[Stored data entries]

━━━━━━━━

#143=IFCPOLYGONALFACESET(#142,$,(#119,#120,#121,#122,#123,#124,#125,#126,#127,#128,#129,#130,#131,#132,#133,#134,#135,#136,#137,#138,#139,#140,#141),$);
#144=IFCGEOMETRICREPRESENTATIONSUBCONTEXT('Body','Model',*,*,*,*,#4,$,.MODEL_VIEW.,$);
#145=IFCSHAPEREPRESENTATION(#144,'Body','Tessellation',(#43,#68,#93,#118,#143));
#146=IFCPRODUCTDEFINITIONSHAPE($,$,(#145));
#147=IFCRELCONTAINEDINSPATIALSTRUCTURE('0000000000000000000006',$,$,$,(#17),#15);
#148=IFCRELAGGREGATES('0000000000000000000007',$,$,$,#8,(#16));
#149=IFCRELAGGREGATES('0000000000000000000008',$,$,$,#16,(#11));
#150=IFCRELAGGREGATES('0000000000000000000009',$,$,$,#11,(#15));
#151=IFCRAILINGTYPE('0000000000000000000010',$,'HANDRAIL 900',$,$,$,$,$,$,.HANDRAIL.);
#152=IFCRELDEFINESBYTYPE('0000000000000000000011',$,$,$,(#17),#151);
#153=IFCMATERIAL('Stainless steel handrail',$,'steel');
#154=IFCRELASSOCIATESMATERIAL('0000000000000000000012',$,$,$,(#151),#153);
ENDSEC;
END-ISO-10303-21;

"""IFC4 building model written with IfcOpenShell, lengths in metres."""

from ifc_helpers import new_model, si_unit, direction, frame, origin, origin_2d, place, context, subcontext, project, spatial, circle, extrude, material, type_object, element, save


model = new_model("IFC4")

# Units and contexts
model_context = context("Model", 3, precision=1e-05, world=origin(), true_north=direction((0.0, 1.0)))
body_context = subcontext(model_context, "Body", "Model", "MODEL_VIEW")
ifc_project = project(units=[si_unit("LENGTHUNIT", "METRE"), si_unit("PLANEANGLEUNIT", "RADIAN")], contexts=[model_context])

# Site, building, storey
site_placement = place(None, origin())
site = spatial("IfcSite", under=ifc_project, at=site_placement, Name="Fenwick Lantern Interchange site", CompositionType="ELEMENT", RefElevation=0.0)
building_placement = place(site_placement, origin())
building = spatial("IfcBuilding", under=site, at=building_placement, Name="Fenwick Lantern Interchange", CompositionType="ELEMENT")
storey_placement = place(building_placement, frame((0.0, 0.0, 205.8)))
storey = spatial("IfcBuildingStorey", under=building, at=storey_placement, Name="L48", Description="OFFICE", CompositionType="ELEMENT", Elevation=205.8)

━━━━━━━━

• [Problem statement]
Across the data, pull every line containing the string "IFCRELAGGREGATES".

• [Reply]
#148=IFCRELAGGREGATES('0000000000000000000007',$,$,$,#8,(#16));
#149=IFCRELAGGREGATES('0000000000000000000008',$,$,$,#16,(#11));
#150=IFCRELAGGREGATES('0000000000000000000009',$,$,$,#11,(#15));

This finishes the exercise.